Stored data
- Opening Delimiter -
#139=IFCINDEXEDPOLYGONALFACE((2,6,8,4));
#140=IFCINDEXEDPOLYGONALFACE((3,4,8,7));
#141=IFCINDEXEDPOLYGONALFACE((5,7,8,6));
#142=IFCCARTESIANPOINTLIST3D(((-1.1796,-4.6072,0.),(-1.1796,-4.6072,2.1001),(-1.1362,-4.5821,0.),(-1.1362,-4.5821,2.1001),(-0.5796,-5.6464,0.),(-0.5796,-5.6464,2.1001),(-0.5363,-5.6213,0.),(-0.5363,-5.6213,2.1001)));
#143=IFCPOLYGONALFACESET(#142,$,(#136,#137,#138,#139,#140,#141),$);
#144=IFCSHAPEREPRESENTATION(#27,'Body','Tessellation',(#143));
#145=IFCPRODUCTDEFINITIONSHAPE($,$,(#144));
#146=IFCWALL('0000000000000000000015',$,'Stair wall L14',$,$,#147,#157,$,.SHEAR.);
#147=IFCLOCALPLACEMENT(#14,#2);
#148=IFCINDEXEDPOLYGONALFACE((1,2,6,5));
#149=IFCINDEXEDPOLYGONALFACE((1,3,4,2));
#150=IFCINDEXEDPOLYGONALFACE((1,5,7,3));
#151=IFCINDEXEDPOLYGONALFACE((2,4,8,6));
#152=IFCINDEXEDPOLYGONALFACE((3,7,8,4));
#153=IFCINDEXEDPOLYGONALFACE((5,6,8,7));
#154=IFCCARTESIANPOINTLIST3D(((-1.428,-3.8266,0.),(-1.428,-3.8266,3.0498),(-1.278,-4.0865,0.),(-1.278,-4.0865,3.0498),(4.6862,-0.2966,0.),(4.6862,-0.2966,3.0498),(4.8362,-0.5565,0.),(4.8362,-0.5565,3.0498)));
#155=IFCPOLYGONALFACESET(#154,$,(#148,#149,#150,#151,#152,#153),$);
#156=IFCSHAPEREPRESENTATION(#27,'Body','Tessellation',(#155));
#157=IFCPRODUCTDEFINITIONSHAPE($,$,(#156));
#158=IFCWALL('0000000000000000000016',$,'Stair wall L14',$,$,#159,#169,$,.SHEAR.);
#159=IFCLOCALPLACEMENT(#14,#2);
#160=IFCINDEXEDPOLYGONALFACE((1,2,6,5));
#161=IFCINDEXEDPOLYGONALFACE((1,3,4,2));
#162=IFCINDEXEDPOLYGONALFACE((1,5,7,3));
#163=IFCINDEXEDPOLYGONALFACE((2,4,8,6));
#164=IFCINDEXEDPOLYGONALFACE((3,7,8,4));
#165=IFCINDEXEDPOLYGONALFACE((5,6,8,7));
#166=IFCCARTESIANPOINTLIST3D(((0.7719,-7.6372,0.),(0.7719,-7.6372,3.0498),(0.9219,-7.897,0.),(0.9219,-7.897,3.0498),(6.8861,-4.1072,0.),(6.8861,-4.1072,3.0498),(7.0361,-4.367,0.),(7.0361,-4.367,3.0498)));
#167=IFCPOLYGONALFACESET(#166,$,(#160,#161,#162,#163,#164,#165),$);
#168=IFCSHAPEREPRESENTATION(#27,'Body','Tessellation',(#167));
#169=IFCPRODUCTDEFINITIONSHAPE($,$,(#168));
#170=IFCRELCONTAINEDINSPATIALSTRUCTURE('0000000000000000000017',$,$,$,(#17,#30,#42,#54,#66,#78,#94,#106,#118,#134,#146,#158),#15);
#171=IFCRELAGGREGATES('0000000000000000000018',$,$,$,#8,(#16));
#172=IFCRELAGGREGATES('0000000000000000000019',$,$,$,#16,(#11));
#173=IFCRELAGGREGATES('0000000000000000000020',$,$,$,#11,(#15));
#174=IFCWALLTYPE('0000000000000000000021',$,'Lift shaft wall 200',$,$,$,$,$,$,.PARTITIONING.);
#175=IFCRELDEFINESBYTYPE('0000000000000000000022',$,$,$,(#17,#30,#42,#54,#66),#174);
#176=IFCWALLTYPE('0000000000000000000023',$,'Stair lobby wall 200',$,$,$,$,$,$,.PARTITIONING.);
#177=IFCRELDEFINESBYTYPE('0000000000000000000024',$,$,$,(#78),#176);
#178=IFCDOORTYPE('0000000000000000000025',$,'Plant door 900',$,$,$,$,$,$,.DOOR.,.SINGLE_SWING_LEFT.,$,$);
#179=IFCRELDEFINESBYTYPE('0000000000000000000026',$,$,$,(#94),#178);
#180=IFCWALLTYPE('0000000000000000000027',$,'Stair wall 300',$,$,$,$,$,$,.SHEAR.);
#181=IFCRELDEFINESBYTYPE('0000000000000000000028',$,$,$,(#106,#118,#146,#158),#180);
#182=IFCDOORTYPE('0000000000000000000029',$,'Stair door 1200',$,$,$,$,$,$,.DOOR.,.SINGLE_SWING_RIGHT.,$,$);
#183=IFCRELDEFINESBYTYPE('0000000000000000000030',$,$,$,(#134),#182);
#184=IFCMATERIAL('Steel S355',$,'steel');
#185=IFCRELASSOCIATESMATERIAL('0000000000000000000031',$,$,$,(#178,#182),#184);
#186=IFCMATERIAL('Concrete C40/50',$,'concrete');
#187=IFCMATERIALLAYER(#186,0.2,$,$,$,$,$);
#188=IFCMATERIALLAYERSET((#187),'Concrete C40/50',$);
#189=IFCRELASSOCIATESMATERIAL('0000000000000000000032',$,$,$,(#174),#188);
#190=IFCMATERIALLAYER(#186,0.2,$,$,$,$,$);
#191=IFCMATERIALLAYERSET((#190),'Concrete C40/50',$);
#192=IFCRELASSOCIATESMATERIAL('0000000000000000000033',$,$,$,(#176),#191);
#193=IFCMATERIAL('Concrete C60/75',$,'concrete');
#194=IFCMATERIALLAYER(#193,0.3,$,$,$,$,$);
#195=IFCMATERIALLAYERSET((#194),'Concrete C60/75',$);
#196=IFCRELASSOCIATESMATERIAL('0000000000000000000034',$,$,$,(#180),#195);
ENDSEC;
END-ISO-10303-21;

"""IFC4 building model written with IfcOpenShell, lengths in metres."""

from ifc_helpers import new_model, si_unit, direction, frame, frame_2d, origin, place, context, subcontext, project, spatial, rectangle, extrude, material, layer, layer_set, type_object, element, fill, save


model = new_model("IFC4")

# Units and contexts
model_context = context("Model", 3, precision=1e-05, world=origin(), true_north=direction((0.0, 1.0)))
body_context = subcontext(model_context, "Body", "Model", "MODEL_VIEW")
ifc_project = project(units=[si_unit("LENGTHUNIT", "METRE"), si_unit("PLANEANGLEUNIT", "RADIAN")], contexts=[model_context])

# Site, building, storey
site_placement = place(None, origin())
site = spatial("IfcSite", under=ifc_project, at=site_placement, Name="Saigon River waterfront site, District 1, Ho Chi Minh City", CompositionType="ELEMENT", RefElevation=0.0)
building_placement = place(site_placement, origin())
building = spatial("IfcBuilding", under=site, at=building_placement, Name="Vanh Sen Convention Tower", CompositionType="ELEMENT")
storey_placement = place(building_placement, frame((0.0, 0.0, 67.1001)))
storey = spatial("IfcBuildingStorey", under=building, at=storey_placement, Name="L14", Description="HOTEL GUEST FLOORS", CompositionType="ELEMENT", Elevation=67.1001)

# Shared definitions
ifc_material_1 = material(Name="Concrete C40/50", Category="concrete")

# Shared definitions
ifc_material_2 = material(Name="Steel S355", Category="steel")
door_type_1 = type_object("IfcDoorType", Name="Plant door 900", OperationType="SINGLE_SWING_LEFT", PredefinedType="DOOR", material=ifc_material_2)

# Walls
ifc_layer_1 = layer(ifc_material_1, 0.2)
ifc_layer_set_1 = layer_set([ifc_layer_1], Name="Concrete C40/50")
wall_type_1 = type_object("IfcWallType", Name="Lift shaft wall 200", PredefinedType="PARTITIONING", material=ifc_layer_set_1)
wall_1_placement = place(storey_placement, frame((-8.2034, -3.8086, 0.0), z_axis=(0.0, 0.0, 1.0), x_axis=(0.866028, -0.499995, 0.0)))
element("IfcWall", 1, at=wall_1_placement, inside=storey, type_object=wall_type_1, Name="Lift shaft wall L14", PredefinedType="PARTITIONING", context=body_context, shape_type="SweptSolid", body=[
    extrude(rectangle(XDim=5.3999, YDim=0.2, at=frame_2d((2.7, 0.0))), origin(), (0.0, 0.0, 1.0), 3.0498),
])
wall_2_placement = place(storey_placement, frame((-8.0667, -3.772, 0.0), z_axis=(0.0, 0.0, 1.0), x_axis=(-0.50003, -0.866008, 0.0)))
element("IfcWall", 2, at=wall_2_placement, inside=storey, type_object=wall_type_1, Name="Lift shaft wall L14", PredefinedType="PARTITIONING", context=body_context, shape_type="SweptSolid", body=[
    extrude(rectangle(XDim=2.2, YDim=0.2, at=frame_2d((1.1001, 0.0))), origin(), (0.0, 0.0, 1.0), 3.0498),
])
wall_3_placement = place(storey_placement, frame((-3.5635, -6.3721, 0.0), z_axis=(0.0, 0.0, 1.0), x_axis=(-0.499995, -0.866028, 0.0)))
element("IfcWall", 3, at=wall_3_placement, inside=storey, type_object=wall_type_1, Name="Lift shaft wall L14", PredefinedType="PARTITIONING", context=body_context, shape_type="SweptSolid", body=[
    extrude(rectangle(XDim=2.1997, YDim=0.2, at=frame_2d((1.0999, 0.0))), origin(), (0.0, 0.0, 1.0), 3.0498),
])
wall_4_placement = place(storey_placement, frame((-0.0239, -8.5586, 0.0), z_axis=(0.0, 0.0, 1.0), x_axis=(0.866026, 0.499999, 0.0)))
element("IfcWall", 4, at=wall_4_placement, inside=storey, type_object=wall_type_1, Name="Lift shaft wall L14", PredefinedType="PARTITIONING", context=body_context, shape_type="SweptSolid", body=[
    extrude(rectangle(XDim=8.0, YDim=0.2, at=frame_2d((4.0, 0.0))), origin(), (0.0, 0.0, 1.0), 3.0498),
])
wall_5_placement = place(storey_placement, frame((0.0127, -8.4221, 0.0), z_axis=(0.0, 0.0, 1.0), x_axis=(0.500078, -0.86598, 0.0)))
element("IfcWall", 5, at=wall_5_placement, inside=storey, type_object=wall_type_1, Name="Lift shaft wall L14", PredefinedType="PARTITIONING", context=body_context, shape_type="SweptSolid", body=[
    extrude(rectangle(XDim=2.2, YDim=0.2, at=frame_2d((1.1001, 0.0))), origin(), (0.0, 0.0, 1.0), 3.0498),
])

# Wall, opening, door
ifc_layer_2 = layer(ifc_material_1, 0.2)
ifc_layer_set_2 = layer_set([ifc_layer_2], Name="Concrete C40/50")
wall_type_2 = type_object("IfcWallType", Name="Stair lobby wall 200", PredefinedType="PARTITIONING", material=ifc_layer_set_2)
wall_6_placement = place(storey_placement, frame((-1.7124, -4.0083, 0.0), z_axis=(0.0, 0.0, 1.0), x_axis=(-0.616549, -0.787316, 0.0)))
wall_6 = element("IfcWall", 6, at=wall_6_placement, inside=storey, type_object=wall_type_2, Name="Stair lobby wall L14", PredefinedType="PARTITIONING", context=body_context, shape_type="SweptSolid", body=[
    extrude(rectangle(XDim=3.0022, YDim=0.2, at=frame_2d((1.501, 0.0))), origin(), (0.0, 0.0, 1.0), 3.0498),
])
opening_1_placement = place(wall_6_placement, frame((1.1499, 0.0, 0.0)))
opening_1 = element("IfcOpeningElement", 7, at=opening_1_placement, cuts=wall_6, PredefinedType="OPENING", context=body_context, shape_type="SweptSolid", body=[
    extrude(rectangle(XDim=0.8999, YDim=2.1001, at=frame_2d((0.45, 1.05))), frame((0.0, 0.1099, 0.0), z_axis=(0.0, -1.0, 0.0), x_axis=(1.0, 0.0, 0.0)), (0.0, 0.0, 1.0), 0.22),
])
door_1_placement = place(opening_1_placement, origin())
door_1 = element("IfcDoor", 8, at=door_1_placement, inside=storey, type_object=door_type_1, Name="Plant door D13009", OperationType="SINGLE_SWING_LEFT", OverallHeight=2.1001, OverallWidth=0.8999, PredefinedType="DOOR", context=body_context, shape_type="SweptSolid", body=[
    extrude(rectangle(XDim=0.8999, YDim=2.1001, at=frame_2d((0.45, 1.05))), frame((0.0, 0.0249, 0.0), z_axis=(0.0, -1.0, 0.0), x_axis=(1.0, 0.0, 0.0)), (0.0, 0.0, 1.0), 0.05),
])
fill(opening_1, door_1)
- Closing Delimiter -
● What the exercise asks
State the number of lines in the records above that contain the string "Plant", and give nothing else.

● Response below
3